◆ **Required action**:
Tally the lines of the listing that contain the word "subcontext", then give the total and nothing else.

◆ **Data for this task**:
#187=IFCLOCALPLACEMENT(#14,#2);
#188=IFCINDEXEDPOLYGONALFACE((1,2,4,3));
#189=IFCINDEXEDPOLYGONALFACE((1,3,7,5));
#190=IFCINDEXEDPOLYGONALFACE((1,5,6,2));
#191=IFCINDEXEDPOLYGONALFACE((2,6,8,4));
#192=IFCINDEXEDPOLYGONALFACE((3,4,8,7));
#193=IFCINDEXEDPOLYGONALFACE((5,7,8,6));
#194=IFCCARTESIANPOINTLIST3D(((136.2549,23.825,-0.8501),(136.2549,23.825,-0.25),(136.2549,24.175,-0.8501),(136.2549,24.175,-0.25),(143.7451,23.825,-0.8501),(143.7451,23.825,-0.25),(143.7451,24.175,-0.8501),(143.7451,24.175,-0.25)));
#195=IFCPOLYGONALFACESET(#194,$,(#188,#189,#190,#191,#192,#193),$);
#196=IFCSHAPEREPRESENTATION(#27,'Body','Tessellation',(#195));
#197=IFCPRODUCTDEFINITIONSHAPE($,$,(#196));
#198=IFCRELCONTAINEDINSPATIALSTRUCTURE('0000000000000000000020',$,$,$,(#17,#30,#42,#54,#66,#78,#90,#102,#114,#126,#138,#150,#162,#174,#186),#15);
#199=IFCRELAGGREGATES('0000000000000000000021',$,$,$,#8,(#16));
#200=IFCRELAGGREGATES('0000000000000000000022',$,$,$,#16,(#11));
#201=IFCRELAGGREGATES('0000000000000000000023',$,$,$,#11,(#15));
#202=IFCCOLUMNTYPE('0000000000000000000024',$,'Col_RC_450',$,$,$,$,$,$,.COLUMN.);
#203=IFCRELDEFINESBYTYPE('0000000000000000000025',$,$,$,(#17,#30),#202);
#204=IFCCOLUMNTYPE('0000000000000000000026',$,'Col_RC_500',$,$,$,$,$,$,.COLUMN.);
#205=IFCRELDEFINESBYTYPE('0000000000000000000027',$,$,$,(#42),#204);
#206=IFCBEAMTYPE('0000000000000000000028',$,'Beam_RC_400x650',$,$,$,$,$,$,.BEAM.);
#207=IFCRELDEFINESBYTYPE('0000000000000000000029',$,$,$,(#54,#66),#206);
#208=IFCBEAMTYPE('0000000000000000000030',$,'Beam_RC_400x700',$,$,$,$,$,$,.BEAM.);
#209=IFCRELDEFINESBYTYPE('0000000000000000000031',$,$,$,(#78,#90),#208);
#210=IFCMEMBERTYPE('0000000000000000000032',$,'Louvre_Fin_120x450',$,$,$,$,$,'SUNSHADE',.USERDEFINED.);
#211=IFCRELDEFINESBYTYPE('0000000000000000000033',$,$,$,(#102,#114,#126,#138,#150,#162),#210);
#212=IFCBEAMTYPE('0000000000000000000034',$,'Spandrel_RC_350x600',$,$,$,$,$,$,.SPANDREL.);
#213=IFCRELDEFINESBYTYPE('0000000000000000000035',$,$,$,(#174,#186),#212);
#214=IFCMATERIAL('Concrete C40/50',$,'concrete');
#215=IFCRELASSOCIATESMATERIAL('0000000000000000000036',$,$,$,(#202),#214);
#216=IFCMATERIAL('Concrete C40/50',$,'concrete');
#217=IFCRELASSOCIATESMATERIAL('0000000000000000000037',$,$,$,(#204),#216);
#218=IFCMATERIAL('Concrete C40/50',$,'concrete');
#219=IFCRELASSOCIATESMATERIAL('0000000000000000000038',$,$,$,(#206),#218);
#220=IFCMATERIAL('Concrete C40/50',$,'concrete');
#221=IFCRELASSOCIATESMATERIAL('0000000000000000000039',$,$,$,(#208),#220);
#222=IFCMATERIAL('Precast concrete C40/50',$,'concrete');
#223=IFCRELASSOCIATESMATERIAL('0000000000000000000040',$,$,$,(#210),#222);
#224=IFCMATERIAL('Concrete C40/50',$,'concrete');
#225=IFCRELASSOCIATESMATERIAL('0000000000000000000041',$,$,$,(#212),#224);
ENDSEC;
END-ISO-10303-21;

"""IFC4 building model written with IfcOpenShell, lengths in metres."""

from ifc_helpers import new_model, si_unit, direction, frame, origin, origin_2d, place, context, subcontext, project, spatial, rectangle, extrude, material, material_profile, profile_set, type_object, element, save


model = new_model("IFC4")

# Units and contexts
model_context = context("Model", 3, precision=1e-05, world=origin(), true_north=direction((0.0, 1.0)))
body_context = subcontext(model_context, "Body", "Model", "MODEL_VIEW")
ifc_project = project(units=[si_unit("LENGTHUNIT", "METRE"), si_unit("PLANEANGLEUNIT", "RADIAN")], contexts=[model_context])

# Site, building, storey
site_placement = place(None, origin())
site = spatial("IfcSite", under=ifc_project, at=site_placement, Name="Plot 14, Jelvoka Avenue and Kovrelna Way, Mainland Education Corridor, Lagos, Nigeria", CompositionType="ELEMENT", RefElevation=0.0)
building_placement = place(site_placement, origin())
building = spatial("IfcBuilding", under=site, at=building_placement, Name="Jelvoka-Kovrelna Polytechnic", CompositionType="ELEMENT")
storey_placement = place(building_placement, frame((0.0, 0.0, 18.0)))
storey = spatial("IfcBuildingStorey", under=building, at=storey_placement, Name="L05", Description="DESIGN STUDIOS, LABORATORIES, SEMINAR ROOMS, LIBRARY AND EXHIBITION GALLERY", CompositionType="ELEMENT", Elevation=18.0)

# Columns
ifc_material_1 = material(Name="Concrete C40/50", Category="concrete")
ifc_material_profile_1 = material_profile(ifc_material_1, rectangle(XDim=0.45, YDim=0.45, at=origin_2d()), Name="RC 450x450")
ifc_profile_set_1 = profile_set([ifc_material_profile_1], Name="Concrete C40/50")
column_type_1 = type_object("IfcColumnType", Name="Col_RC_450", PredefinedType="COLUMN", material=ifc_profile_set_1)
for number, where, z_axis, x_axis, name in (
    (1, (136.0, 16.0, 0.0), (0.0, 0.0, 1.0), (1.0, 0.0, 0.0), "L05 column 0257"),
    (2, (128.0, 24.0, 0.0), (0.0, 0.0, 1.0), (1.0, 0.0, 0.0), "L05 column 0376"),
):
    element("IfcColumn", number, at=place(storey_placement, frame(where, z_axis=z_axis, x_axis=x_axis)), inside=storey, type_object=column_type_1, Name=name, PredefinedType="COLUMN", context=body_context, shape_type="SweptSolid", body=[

◆ **Task response**:
2